→ WORK INSTRUCTIONS: In full and without alteration, write out the data below.
::: EXTRACTED ENTRIES
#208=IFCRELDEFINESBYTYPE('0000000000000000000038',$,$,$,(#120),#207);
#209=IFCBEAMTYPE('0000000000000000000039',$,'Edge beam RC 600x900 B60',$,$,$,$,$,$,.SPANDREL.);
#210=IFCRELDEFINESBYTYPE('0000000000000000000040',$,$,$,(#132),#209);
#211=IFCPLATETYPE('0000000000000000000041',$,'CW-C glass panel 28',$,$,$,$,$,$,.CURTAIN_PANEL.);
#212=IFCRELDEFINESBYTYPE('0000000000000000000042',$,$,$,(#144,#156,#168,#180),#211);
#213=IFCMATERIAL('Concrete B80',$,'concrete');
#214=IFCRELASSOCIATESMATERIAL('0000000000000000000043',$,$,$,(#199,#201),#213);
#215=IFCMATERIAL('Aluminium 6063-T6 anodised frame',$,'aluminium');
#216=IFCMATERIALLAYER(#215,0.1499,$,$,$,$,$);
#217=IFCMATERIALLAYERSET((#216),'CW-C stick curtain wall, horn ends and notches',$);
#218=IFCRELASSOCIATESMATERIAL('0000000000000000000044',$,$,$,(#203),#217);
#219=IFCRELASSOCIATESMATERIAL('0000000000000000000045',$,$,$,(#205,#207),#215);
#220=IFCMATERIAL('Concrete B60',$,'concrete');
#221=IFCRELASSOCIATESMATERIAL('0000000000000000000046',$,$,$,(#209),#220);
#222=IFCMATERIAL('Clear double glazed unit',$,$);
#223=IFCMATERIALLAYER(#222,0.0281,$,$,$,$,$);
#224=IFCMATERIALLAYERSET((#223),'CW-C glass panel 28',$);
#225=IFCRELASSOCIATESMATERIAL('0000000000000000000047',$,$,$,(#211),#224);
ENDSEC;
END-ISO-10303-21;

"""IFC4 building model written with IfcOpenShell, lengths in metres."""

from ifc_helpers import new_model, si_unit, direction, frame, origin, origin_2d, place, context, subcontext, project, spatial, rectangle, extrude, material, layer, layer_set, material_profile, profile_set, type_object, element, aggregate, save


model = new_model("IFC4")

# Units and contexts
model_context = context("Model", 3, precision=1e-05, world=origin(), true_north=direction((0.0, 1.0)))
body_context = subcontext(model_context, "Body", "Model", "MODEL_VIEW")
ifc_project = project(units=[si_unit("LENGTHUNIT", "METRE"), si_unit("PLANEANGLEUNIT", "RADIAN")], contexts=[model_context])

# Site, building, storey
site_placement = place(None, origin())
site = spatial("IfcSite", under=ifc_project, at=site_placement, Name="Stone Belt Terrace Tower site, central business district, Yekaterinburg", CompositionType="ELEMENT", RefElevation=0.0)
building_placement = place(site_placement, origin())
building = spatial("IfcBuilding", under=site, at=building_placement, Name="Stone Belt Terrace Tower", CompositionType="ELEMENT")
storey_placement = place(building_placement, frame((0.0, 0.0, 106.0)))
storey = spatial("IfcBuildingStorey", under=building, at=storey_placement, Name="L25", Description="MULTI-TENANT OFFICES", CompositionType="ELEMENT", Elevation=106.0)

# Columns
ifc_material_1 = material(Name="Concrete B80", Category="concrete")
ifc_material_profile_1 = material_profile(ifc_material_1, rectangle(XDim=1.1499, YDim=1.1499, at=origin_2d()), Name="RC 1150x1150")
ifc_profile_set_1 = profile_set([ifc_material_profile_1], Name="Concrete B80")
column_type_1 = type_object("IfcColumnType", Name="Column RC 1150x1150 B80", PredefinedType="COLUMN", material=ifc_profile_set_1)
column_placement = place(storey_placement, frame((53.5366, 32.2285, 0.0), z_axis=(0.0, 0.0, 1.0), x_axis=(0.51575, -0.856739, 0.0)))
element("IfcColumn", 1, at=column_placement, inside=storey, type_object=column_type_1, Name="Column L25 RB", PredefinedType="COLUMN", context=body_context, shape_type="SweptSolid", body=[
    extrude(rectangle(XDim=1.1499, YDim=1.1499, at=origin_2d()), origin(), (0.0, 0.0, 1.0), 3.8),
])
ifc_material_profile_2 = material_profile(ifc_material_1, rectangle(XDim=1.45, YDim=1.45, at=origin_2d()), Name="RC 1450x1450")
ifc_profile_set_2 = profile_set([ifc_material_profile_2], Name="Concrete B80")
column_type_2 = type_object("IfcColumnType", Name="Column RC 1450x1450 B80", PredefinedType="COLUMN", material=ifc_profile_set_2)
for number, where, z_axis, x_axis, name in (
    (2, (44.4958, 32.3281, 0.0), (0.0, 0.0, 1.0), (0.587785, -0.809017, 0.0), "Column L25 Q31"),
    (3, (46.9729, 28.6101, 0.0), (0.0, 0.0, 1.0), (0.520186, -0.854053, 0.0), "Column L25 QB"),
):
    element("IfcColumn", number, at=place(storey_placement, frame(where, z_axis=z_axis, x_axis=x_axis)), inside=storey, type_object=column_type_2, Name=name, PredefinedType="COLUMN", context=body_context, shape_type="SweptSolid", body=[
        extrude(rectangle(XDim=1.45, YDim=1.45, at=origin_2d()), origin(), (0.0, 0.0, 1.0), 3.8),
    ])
::::::
→ ANSWER SECTION:
#208=IFCRELDEFINESBYTYPE('0000000000000000000038',$,$,$,(#120),#207);
#209=IFCBEAMTYPE('0000000000000000000039',$,'Edge beam RC 600x900 B60',$,$,$,$,$,$,.SPANDREL.);
#210=IFCRELDEFINESBYTYPE('0000000000000000000040',$,$,$,(#132),#209);
#211=IFCPLATETYPE('0000000000000000000041',$,'CW-C glass panel 28',$,$,$,$,$,$,.CURTAIN_PANEL.);
#212=IFCRELDEFINESBYTYPE('0000000000000000000042',$,$,$,(#144,#156,#168,#180),#211);
#213=IFCMATERIAL('Concrete B80',$,'concrete');
#214=IFCRELASSOCIATESMATERIAL('0000000000000000000043',$,$,$,(#199,#201),#213);
#215=IFCMATERIAL('Aluminium 6063-T6 anodised frame',$,'aluminium');
#216=IFCMATERIALLAYER(#215,0.1499,$,$,$,$,$);
#217=IFCMATERIALLAYERSET((#216),'CW-C stick curtain wall, horn ends and notches',$);
#218=IFCRELASSOCIATESMATERIAL('0000000000000000000044',$,$,$,(#203),#217);
#219=IFCRELASSOCIATESMATERIAL('0000000000000000000045',$,$,$,(#205,#207),#215);
#220=IFCMATERIAL('Concrete B60',$,'concrete');
#221=IFCRELASSOCIATESMATERIAL('0000000000000000000046',$,$,$,(#209),#220);
#222=IFCMATERIAL('Clear double glazed unit',$,$);
#223=IFCMATERIALLAYER(#222,0.0281,$,$,$,$,$);
#224=IFCMATERIALLAYERSET((#223),'CW-C glass panel 28',$);
#225=IFCRELASSOCIATESMATERIAL('0000000000000000000047',$,$,$,(#211),#224);
ENDSEC;
END-ISO-10303-21;

"""IFC4 building model written with IfcOpenShell, lengths in metres."""

from ifc_helpers import new_model, si_unit, direction, frame, origin, origin_2d, place, context, subcontext, project, spatial, rectangle, extrude, material, layer, layer_set, material_profile, profile_set, type_object, element, aggregate, save


model = new_model("IFC4")

# Units and contexts
model_context = context("Model", 3, precision=1e-05, world=origin(), true_north=direction((0.0, 1.0)))
body_context = subcontext(model_context, "Body", "Model", "MODEL_VIEW")
ifc_project = project(units=[si_unit("LENGTHUNIT", "METRE"), si_unit("PLANEANGLEUNIT", "RADIAN")], contexts=[model_context])

# Site, building, storey
site_placement = place(None, origin())
site = spatial("IfcSite", under=ifc_project, at=site_placement, Name="Stone Belt Terrace Tower site, central business district, Yekaterinburg", CompositionType="ELEMENT", RefElevation=0.0)
building_placement = place(site_placement, origin())
building = spatial("IfcBuilding", under=site, at=building_placement, Name="Stone Belt Terrace Tower", CompositionType="ELEMENT")
storey_placement = place(building_placement, frame((0.0, 0.0, 106.0)))
storey = spatial("IfcBuildingStorey", under=building, at=storey_placement, Name="L25", Description="MULTI-TENANT OFFICES", CompositionType="ELEMENT", Elevation=106.0)

# Columns
ifc_material_1 = material(Name="Concrete B80", Category="concrete")
ifc_material_profile_1 = material_profile(ifc_material_1, rectangle(XDim=1.1499, YDim=1.1499, at=origin_2d()), Name="RC 1150x1150")
ifc_profile_set_1 = profile_set([ifc_material_profile_1], Name="Concrete B80")
column_type_1 = type_object("IfcColumnType", Name="Column RC 1150x1150 B80", PredefinedType="COLUMN", material=ifc_profile_set_1)
column_placement = place(storey_placement, frame((53.5366, 32.2285, 0.0), z_axis=(0.0, 0.0, 1.0), x_axis=(0.51575, -0.856739, 0.0)))
element("IfcColumn", 1, at=column_placement, inside=storey, type_object=column_type_1, Name="Column L25 RB", PredefinedType="COLUMN", context=body_context, shape_type="SweptSolid", body=[
    extrude(rectangle(XDim=1.1499, YDim=1.1499, at=origin_2d()), origin(), (0.0, 0.0, 1.0), 3.8),
])
ifc_material_profile_2 = material_profile(ifc_material_1, rectangle(XDim=1.45, YDim=1.45, at=origin_2d()), Name="RC 1450x1450")
ifc_profile_set_2 = profile_set([ifc_material_profile_2], Name="Concrete B80")
column_type_2 = type_object("IfcColumnType", Name="Column RC 1450x1450 B80", PredefinedType="COLUMN", material=ifc_profile_set_2)
for number, where, z_axis, x_axis, name in (
    (2, (44.4958, 32.3281, 0.0), (0.0, 0.0, 1.0), (0.587785, -0.809017, 0.0), "Column L25 Q31"),
    (3, (46.9729, 28.6101, 0.0), (0.0, 0.0, 1.0), (0.520186, -0.854053, 0.0), "Column L25 QB"),
):
    element("IfcColumn", number, at=place(storey_placement, frame(where, z_axis=z_axis, x_axis=x_axis)), inside=storey, type_object=column_type_2, Name=name, PredefinedType="COLUMN", context=body_context, shape_type="SweptSolid", body=[
        extrude(rectangle(XDim=1.45, YDim=1.45, at=origin_2d()), origin(), (0.0, 0.0, 1.0), 3.8),
    ])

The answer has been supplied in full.